What to do
Only one stretch of the data below is wanted: the lines starting at the one with "frame((0.0, 0.0, 25.0)))" and ending at the one with "x_axis=(0.0, 1.0, 0.0)))", both included, given again exactly.

(Collected data)
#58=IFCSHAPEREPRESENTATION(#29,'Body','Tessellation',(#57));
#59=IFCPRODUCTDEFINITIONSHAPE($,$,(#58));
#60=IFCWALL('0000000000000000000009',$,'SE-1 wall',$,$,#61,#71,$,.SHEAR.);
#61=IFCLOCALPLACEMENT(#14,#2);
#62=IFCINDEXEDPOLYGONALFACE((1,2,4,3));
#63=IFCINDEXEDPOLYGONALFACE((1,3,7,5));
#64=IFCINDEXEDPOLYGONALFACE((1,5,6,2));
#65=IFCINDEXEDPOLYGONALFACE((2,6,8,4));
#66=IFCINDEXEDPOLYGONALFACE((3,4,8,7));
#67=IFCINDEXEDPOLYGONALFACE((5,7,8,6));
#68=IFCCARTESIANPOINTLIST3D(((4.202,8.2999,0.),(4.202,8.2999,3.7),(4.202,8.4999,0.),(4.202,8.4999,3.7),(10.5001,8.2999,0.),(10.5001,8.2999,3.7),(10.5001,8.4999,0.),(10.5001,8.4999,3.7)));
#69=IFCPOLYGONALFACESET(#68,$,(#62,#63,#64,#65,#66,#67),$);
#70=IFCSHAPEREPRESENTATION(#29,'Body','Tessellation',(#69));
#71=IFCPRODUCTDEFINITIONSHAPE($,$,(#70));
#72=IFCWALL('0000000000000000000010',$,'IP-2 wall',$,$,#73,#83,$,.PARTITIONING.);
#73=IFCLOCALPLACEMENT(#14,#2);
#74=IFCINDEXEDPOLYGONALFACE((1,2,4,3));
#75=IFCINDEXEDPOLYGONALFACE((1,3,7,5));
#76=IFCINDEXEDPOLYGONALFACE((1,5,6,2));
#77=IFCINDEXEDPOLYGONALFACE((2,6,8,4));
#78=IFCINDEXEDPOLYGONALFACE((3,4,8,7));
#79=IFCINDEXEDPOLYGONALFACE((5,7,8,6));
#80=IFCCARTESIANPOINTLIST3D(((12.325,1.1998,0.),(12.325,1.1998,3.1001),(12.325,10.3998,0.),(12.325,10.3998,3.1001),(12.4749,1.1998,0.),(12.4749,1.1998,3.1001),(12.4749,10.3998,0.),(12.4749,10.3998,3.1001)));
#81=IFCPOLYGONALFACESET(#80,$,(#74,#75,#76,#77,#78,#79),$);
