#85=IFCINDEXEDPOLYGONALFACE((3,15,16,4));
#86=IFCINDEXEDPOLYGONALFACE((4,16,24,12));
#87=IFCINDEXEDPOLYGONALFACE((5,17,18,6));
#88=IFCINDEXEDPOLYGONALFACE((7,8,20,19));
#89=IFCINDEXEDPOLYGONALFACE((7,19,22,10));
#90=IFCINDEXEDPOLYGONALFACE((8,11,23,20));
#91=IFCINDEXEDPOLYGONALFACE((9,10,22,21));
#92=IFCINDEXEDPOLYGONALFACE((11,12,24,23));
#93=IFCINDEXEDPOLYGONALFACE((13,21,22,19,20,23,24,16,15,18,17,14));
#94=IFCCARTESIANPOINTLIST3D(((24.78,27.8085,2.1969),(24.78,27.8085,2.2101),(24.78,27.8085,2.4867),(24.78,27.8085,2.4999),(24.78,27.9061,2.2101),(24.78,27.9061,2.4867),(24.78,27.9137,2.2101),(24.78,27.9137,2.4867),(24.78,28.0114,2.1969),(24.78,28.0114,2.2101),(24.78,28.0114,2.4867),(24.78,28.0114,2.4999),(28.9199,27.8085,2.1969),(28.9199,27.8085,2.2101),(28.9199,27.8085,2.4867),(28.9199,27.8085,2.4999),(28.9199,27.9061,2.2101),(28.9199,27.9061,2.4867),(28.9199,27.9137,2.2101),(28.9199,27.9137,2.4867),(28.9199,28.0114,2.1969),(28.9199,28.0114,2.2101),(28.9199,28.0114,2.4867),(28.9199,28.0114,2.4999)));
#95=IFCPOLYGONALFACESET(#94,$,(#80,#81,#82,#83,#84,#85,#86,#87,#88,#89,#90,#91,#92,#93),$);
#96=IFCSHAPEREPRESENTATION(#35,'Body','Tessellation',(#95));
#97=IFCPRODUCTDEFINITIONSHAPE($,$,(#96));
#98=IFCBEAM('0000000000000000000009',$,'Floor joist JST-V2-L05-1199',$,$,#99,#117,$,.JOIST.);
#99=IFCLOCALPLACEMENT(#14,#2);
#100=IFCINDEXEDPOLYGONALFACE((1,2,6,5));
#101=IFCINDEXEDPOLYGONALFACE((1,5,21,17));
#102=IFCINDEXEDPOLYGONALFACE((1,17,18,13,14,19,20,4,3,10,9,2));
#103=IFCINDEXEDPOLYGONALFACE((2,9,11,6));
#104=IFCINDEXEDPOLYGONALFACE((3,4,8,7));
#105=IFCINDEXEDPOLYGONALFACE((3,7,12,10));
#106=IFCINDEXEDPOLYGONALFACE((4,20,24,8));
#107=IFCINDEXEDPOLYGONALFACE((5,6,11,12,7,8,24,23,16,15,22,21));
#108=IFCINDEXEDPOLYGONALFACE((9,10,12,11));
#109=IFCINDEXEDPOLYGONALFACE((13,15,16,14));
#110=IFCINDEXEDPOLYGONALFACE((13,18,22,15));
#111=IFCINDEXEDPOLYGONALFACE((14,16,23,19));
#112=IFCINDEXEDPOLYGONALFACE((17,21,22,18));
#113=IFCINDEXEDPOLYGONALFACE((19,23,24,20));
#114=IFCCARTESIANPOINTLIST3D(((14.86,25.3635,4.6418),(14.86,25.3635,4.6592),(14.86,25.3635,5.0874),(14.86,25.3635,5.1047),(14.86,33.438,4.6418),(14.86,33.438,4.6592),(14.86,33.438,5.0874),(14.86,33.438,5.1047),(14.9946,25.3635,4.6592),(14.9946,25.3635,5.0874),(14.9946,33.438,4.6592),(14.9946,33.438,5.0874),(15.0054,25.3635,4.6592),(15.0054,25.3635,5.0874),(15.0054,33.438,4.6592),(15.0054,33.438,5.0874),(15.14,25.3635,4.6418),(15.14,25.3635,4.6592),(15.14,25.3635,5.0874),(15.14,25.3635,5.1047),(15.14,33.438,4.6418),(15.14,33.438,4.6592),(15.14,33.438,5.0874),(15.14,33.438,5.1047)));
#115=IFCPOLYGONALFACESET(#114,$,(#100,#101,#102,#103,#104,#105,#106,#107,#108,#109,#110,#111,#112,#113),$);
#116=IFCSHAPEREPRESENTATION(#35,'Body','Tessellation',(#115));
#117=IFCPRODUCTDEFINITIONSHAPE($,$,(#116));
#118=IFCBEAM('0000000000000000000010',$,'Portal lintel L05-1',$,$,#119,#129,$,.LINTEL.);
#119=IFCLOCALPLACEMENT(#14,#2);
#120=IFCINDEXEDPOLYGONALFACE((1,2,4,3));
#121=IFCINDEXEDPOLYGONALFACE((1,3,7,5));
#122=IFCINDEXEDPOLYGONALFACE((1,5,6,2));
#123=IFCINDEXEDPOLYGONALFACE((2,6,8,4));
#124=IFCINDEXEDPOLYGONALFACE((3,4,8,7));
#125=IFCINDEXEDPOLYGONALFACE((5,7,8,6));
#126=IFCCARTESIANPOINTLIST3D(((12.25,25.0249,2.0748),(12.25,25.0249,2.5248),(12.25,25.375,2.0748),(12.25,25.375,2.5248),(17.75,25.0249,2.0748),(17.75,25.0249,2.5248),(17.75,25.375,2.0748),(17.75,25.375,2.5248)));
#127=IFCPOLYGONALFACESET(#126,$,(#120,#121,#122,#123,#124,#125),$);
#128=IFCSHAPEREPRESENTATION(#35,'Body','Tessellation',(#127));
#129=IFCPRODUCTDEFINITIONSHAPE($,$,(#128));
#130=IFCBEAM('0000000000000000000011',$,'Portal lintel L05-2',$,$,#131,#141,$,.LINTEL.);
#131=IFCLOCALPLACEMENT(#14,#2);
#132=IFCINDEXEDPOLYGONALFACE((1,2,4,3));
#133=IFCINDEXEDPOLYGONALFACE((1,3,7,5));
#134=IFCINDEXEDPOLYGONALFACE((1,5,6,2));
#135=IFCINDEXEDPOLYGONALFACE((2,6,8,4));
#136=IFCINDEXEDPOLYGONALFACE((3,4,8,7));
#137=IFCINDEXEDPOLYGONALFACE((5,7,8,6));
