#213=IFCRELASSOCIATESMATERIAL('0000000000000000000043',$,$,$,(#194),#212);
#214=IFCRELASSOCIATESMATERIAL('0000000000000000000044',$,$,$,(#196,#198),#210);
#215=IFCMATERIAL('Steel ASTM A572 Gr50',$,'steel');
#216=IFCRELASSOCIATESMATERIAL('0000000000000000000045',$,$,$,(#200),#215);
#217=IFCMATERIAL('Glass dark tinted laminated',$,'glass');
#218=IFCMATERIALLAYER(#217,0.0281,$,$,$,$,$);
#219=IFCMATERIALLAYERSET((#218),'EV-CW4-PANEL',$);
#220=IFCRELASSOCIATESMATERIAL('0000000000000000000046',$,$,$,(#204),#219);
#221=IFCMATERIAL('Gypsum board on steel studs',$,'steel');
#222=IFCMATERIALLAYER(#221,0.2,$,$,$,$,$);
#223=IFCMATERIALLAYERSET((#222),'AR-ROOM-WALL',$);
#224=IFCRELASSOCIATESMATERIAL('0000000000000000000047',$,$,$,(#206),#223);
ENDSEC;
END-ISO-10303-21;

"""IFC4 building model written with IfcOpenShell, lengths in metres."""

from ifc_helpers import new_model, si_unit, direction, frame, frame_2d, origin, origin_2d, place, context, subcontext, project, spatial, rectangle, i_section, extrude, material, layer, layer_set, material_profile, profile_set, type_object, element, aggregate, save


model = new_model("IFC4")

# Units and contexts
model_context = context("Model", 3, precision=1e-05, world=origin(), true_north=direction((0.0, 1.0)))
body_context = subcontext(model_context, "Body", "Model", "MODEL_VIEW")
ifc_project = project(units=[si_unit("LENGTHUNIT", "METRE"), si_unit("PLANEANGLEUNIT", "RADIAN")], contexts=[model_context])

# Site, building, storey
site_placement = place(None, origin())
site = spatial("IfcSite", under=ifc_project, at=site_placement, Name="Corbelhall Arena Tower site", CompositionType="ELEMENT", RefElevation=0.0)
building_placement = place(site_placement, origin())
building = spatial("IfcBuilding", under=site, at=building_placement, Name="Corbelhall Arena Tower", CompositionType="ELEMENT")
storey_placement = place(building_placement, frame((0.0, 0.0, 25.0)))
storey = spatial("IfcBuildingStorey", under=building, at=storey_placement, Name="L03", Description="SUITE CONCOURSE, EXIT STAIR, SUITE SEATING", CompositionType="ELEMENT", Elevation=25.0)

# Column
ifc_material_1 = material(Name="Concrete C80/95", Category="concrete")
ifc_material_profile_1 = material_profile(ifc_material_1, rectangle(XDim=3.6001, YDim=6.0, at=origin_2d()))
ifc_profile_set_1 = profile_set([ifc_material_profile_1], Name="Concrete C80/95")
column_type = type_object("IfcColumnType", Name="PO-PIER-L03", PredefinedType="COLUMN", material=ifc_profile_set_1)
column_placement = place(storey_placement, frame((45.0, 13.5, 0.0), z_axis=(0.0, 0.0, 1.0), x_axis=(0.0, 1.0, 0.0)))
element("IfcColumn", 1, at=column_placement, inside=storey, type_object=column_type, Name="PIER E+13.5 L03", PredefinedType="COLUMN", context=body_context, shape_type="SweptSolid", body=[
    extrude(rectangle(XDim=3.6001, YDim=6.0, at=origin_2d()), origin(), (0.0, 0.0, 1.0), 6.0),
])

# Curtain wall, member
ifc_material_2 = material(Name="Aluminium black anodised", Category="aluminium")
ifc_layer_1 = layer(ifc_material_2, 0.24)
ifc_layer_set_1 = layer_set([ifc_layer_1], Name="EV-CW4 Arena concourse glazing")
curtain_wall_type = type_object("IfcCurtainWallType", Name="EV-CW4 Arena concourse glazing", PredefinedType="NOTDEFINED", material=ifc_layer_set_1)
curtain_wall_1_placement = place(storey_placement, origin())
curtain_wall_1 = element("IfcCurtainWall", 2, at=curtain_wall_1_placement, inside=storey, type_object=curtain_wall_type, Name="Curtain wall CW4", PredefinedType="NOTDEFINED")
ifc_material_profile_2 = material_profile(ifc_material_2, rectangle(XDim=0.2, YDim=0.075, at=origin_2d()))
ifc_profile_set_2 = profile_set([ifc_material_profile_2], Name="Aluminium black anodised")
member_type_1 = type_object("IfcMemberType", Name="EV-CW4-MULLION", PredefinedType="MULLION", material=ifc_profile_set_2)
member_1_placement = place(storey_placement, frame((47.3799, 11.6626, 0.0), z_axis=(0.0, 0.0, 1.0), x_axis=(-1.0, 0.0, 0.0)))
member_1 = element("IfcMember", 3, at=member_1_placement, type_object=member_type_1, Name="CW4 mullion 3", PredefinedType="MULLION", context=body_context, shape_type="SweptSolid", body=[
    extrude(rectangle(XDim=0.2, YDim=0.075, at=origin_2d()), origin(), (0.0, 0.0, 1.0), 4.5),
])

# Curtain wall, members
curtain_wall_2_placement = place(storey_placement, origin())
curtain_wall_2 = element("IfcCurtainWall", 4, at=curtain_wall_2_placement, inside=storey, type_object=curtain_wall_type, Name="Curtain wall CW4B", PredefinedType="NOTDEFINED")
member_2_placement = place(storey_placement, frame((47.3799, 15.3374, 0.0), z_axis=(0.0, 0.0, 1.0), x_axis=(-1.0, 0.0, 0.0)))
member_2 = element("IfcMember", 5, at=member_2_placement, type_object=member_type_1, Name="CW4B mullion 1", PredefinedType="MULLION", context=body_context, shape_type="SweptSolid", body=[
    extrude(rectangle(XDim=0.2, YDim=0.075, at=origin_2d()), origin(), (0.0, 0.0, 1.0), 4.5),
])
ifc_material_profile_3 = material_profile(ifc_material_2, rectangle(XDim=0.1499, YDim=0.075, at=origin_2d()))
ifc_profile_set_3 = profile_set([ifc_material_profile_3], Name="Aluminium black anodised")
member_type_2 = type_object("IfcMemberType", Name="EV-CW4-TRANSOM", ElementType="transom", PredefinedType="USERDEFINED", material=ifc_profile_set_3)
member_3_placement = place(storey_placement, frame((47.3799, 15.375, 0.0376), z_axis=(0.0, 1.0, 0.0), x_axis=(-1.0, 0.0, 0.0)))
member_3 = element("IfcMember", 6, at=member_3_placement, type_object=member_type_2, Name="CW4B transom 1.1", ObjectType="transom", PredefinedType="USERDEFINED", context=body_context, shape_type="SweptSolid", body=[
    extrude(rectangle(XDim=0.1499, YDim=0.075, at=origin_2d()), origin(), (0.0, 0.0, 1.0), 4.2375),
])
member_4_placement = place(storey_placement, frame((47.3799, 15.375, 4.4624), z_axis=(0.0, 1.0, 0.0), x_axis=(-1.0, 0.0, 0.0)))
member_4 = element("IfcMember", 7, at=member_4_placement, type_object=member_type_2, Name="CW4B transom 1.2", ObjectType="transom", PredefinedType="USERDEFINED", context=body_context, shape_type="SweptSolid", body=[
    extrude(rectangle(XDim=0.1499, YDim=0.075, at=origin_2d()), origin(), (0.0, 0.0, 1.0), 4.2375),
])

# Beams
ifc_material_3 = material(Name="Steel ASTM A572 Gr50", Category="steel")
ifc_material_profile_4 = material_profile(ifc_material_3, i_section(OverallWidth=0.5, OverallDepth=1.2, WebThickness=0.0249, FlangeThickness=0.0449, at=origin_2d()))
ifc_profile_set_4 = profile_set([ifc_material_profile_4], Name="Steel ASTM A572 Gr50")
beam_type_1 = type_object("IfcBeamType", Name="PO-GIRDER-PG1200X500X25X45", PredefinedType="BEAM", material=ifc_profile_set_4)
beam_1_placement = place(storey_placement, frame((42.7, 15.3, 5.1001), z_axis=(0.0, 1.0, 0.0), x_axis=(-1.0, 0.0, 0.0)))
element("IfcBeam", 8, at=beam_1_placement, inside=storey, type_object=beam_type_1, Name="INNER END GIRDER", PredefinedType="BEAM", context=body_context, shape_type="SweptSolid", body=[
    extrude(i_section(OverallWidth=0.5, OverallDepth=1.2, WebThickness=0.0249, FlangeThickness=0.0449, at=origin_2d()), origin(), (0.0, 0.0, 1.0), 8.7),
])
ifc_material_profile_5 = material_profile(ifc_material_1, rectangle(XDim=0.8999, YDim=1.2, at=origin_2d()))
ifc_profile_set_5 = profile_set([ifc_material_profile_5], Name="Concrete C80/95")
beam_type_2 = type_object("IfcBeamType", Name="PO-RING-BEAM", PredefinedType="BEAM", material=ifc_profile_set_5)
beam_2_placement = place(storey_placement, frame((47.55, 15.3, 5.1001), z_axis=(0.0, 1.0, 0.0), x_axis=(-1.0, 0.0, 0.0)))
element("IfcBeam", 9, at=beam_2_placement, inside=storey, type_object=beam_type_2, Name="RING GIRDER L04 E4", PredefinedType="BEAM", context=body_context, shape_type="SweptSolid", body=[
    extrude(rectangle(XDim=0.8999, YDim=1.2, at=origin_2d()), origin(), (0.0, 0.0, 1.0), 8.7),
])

Solution for this exercise
storey_placement = place(building_placement, frame((0.0, 0.0, 25.0)))
storey = spatial("IfcBuildingStorey", under=building, at=storey_placement, Name="L03", Description="SUITE CONCOURSE, EXIT STAIR, SUITE SEATING", CompositionType="ELEMENT", Elevation=25.0)

# Column
ifc_material_1 = material(Name="Concrete C80/95", Category="concrete")
ifc_material_profile_1 = material_profile(ifc_material_1, rectangle(XDim=3.6001, YDim=6.0, at=origin_2d()))
ifc_profile_set_1 = profile_set([ifc_material_profile_1], Name="Concrete C80/95")
column_type = type_object("IfcColumnType", Name="PO-PIER-L03", PredefinedType="COLUMN", material=ifc_profile_set_1)
column_placement = place(storey_placement, frame((45.0, 13.5, 0.0), z_axis=(0.0, 0.0, 1.0), x_axis=(0.0, 1.0, 0.0)))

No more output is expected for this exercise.